Data for this task:
════════

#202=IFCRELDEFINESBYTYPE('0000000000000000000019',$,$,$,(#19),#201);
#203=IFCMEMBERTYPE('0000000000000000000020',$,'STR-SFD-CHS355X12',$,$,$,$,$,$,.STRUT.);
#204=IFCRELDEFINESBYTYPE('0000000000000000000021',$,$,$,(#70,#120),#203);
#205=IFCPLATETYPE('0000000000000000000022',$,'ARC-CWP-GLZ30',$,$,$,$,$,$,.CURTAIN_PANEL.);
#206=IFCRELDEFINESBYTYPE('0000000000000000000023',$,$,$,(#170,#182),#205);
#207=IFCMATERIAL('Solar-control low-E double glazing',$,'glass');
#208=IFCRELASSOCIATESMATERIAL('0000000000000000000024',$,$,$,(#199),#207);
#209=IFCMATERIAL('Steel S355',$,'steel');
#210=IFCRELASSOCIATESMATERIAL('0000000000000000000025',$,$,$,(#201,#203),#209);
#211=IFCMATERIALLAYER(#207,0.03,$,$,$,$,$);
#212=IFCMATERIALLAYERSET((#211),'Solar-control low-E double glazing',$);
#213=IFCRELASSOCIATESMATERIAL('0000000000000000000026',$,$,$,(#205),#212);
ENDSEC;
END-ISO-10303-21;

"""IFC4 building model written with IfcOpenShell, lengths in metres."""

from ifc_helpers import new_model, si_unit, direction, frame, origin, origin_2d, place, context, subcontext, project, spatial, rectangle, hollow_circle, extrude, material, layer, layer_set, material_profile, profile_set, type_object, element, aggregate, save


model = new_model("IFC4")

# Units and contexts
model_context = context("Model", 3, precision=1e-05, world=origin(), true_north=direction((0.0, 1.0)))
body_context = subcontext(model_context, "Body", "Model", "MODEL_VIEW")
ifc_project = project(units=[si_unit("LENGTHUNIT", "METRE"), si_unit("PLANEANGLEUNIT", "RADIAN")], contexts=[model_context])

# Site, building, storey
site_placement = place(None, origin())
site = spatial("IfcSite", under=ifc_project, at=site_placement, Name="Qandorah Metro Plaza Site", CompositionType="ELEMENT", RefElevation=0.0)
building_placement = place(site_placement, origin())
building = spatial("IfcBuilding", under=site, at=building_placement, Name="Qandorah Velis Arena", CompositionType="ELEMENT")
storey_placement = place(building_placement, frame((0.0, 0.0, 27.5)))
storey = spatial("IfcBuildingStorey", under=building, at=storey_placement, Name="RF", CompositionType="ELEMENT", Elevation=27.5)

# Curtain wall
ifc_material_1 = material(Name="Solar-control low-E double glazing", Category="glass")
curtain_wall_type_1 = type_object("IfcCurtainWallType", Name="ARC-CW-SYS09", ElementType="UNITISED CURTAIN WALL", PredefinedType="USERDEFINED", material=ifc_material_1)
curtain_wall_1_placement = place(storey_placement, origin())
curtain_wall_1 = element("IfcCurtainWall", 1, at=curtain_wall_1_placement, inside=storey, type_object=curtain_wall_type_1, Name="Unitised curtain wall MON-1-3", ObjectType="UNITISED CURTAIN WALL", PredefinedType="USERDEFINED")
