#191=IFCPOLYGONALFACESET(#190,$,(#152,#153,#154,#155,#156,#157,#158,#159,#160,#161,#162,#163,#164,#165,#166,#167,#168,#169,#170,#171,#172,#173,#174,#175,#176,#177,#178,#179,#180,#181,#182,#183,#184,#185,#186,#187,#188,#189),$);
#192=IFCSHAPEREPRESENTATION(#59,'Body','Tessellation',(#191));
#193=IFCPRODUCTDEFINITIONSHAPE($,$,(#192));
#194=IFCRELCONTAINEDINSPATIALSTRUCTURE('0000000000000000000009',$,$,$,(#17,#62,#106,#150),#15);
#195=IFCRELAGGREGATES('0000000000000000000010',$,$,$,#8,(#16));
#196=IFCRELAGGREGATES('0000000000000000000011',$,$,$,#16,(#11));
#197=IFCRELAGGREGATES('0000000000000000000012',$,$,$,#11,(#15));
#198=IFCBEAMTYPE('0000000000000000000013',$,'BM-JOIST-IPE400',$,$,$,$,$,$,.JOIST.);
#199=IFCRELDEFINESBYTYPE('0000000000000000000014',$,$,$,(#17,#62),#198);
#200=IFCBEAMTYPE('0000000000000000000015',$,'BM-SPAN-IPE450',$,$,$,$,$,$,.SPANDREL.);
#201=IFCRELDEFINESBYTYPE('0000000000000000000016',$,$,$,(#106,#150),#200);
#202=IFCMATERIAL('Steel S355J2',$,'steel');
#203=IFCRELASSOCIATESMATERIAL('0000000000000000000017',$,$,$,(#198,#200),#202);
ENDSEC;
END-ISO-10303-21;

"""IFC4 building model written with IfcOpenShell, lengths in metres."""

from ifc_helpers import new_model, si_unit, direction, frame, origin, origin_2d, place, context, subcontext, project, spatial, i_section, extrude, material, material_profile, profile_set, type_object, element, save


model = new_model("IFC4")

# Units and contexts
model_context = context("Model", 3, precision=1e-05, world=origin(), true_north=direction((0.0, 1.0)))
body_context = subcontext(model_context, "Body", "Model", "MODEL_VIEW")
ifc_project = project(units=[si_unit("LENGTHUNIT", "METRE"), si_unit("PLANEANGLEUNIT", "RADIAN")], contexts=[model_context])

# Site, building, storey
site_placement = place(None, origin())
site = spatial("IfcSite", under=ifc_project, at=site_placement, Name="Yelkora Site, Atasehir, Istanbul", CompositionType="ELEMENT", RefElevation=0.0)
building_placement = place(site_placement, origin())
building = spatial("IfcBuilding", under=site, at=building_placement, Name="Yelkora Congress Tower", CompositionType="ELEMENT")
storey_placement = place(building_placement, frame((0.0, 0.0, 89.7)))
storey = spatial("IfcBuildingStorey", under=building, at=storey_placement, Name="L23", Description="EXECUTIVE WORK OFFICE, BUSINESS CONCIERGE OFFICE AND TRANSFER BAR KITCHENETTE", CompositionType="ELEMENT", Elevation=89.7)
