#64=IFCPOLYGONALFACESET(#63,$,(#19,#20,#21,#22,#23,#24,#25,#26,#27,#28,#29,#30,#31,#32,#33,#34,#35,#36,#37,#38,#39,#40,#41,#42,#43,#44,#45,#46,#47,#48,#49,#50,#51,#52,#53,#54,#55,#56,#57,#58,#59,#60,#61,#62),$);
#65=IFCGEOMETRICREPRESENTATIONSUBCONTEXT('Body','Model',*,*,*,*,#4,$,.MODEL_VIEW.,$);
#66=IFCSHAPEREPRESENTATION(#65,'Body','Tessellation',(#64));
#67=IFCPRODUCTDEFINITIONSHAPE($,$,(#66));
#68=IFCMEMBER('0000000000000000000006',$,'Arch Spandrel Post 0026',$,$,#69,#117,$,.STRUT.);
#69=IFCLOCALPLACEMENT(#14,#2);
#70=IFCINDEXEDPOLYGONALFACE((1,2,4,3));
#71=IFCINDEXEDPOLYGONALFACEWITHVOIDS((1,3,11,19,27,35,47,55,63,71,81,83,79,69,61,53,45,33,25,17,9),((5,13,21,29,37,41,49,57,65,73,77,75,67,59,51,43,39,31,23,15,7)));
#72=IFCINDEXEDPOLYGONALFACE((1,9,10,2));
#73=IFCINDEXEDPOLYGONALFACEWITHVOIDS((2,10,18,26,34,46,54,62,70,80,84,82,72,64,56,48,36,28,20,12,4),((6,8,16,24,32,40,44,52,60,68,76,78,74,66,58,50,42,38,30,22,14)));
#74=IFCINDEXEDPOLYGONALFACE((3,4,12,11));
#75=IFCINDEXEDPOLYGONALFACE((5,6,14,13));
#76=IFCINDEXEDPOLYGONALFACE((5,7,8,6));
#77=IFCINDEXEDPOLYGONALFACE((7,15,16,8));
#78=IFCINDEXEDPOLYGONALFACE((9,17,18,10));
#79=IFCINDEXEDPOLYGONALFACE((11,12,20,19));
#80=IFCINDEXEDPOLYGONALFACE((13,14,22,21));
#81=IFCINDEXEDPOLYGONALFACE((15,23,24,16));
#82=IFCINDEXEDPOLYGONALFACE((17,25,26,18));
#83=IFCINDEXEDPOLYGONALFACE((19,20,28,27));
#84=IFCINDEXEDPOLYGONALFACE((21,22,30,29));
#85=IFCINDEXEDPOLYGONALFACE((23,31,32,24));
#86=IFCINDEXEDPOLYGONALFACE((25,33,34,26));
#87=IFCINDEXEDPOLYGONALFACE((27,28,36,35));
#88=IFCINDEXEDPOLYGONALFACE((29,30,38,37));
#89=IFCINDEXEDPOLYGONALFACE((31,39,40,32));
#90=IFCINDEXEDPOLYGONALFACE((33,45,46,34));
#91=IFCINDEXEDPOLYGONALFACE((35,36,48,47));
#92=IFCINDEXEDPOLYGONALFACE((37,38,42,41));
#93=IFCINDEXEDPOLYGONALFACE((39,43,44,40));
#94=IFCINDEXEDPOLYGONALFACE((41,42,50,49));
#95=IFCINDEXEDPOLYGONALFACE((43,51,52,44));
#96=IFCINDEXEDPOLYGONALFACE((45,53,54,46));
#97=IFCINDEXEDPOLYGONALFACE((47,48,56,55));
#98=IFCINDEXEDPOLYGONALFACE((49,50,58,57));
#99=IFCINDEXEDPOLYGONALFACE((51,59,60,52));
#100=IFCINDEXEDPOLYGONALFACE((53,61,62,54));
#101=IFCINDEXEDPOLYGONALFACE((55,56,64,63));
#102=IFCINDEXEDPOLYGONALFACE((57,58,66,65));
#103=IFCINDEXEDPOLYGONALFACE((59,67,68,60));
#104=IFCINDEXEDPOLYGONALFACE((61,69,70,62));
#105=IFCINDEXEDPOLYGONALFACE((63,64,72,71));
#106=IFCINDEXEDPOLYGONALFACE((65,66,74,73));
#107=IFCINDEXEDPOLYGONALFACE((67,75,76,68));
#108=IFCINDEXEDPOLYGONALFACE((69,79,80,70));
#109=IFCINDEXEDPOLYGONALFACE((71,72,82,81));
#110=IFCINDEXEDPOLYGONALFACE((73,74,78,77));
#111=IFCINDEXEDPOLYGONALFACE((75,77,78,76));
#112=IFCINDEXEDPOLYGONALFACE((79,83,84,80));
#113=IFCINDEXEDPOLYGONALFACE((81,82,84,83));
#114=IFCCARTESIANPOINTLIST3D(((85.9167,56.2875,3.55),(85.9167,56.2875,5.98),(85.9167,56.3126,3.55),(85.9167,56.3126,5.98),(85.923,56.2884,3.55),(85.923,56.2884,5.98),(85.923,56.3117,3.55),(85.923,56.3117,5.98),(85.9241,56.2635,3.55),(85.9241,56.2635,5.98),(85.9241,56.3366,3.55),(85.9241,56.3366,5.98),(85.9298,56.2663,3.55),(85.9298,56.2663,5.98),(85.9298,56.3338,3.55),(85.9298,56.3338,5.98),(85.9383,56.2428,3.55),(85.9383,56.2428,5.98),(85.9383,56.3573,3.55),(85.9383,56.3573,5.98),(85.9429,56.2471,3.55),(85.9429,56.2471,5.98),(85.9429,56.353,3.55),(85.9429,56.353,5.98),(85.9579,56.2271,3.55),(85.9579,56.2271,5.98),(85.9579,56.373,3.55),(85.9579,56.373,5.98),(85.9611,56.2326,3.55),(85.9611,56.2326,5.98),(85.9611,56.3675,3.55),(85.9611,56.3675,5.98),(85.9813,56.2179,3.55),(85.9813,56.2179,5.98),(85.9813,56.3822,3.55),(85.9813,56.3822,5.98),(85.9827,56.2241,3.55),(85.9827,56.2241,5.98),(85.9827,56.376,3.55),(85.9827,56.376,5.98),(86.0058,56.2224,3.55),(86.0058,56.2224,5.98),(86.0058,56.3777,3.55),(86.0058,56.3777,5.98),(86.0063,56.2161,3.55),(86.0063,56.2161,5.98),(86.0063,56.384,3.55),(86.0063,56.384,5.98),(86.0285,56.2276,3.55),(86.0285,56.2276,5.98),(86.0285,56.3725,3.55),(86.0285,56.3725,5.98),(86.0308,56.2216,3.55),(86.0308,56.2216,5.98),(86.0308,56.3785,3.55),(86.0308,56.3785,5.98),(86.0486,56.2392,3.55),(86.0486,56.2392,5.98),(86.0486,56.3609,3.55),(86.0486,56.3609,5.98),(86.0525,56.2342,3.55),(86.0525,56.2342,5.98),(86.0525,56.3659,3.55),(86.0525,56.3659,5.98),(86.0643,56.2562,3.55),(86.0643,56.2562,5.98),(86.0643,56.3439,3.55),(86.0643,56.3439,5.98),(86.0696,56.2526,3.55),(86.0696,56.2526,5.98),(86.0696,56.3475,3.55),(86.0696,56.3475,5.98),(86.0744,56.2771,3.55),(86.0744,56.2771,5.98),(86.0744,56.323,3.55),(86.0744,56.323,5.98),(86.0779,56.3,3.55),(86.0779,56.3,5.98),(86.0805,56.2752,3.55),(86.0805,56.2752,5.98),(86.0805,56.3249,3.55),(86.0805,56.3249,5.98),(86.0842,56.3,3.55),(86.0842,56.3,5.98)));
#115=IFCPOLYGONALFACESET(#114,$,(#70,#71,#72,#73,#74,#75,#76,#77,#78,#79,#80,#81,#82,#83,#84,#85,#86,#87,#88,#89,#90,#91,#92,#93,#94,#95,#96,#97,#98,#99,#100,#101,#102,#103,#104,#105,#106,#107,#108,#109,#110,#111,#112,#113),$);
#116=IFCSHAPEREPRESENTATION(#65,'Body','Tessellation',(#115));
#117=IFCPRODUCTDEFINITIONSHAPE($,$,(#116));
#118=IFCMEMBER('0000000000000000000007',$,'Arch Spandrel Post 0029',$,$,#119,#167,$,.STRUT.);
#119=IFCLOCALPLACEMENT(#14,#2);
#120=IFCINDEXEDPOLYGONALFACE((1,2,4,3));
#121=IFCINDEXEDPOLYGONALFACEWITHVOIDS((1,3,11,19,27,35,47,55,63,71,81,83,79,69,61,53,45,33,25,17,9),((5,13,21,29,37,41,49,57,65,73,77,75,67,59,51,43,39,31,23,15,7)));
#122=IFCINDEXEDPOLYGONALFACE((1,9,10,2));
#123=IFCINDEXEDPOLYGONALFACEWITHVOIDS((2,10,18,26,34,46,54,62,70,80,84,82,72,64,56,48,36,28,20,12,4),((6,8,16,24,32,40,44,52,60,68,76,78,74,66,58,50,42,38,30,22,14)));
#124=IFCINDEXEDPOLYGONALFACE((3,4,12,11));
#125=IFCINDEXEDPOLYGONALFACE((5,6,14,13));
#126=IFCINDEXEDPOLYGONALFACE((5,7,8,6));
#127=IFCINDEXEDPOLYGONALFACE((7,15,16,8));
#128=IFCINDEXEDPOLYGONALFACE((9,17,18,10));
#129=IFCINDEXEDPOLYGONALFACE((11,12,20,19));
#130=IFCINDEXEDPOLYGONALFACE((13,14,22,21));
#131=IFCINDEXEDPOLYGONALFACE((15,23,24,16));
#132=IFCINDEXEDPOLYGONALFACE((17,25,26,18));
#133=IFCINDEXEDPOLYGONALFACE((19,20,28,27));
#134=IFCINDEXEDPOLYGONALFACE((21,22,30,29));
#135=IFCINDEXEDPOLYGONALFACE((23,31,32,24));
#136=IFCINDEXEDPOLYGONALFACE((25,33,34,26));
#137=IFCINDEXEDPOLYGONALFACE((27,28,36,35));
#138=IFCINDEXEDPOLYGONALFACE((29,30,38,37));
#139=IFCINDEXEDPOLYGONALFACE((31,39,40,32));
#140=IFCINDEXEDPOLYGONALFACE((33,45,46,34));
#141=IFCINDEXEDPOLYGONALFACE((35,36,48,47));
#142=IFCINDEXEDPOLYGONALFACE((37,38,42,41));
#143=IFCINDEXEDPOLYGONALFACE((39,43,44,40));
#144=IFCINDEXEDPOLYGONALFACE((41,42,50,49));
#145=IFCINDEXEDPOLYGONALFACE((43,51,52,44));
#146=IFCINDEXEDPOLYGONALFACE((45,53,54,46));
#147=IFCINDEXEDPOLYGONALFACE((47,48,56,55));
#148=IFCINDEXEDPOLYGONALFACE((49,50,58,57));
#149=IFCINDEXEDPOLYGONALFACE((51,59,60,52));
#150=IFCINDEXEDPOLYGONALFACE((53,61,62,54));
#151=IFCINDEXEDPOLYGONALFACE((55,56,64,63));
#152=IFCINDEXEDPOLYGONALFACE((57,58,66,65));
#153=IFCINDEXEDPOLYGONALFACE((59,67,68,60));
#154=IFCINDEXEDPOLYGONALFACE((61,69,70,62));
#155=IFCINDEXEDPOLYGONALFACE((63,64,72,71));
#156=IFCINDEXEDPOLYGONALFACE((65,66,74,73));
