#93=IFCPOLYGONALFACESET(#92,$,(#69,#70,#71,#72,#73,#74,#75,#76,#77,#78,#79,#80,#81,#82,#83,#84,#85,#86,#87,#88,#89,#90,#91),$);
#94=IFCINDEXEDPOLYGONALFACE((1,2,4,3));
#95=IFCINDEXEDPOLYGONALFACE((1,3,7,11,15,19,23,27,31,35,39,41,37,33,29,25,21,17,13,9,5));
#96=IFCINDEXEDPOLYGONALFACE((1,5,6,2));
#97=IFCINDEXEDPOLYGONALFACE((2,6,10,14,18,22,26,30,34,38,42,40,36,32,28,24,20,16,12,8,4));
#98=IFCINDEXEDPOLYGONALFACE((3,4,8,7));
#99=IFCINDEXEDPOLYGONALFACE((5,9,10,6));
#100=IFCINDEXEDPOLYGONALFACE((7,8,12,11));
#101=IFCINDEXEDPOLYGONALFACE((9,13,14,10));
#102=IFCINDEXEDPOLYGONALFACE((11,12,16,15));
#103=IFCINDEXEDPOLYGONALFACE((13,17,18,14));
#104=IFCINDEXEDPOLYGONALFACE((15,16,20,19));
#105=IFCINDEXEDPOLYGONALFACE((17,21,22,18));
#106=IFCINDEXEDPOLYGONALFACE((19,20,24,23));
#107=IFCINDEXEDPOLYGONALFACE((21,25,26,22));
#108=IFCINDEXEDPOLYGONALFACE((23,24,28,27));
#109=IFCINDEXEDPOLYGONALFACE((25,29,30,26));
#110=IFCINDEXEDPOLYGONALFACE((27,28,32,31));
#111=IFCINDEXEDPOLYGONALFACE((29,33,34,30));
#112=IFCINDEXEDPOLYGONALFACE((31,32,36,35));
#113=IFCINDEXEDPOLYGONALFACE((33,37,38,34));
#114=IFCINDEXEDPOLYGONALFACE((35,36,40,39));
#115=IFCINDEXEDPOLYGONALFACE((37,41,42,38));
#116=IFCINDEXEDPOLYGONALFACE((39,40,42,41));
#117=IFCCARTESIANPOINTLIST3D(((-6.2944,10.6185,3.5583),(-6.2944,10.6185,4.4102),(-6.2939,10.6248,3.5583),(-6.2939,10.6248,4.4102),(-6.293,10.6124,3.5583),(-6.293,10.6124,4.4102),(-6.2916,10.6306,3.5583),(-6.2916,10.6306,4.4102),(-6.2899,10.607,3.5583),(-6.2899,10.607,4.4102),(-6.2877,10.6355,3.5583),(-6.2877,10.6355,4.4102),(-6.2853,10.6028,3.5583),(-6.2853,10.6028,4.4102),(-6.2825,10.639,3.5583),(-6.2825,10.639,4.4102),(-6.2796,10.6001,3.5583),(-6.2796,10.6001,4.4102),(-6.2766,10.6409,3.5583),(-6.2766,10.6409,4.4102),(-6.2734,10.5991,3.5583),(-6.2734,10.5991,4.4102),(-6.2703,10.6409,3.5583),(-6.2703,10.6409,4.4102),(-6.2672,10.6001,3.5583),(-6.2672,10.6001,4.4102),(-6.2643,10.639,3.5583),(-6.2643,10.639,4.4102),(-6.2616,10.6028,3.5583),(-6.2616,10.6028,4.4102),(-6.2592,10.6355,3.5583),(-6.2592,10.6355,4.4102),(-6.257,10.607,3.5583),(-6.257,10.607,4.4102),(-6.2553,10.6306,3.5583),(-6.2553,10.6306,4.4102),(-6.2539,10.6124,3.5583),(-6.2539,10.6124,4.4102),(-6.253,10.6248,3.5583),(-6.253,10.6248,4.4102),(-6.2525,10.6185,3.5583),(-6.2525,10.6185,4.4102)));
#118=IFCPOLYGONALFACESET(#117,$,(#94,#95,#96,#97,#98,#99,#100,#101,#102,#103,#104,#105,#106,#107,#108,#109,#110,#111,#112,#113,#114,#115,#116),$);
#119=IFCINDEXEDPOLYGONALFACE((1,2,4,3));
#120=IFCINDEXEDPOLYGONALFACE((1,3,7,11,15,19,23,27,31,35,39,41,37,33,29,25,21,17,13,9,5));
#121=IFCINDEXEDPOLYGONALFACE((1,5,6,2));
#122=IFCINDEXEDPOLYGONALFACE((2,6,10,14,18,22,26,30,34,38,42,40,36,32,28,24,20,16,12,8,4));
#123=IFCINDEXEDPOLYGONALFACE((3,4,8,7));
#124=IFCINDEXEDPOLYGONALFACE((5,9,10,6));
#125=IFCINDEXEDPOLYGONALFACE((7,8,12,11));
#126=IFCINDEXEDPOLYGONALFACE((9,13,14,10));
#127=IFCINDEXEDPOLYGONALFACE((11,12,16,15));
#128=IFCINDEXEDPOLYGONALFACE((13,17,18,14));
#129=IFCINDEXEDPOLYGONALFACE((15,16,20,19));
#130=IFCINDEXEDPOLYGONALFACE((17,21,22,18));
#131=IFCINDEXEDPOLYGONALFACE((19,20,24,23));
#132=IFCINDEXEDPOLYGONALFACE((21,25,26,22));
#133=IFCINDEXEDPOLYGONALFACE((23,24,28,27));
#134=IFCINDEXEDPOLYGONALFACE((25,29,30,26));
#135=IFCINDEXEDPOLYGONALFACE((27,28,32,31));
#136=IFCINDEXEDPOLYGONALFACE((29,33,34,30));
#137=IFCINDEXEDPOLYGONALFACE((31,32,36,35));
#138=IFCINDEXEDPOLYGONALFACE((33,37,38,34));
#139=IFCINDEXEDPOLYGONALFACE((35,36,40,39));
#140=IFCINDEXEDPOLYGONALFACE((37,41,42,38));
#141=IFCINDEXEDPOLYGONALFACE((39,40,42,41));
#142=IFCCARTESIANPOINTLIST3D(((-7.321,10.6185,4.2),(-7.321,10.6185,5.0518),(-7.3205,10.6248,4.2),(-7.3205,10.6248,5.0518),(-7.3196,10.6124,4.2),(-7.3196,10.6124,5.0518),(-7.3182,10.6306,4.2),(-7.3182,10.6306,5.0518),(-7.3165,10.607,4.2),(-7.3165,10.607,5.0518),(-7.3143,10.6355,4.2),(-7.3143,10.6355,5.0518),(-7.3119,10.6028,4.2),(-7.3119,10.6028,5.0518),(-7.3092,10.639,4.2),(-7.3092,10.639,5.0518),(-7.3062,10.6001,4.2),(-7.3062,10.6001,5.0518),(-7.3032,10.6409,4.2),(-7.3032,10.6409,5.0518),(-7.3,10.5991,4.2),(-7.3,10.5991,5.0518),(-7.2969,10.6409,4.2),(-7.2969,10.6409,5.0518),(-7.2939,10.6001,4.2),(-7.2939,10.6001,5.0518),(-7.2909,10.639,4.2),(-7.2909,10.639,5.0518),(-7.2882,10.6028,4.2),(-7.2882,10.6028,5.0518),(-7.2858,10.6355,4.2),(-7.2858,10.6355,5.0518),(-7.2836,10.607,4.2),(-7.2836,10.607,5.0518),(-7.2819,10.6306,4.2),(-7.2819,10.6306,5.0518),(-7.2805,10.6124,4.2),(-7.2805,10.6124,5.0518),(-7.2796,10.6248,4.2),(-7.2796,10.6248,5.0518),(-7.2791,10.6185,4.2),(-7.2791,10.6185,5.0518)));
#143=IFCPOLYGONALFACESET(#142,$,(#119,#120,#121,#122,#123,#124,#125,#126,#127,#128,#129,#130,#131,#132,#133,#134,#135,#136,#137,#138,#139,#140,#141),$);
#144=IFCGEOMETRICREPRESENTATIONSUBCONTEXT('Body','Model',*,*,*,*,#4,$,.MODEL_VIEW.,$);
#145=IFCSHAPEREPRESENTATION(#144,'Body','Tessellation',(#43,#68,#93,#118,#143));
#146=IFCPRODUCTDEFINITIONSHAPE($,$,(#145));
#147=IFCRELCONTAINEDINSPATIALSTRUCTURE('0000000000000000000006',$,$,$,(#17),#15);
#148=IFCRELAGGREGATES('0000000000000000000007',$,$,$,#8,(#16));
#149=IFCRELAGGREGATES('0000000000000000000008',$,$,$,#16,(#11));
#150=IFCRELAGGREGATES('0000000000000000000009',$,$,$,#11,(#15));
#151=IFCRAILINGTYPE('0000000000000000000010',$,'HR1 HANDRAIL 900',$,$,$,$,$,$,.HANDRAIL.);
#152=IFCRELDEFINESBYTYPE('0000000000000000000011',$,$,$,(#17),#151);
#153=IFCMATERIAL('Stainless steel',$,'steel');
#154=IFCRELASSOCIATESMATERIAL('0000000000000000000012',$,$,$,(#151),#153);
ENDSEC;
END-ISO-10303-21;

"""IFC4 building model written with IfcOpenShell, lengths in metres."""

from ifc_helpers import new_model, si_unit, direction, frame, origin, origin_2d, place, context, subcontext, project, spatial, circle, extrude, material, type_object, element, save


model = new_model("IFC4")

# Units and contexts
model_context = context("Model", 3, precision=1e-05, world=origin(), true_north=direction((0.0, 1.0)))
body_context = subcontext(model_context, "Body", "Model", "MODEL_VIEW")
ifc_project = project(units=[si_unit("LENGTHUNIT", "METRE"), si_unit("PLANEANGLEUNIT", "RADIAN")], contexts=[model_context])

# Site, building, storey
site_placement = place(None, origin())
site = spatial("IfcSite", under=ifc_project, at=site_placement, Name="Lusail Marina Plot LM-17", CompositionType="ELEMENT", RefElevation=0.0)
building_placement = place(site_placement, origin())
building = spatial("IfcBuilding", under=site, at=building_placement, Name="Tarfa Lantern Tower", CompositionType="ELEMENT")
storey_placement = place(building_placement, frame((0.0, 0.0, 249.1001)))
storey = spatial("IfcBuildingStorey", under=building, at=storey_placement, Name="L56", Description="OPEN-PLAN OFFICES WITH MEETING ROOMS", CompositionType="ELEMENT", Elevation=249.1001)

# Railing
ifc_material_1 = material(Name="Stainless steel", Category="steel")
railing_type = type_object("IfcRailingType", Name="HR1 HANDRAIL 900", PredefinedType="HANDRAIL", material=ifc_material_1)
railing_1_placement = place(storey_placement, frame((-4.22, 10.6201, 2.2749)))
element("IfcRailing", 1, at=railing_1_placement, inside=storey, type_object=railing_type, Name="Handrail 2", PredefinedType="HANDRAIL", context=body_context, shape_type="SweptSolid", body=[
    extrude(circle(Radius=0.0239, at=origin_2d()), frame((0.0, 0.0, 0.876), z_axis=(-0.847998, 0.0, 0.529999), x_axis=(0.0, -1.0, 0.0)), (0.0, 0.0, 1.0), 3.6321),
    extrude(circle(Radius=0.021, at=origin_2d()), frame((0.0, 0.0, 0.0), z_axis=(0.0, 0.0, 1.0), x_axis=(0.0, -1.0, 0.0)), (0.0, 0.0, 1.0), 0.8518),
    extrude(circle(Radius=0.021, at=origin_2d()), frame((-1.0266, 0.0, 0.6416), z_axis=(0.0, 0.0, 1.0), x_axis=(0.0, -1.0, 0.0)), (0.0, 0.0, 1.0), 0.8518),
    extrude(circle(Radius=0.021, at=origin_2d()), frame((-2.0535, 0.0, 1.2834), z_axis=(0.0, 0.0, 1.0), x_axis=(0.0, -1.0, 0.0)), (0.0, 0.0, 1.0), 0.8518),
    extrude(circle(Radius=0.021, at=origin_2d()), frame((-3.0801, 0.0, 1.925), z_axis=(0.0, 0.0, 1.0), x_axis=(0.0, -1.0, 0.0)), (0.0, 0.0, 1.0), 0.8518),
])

════════

Determine the number of lines above that include the word "USERDEFINED"; the reply is that number only.

2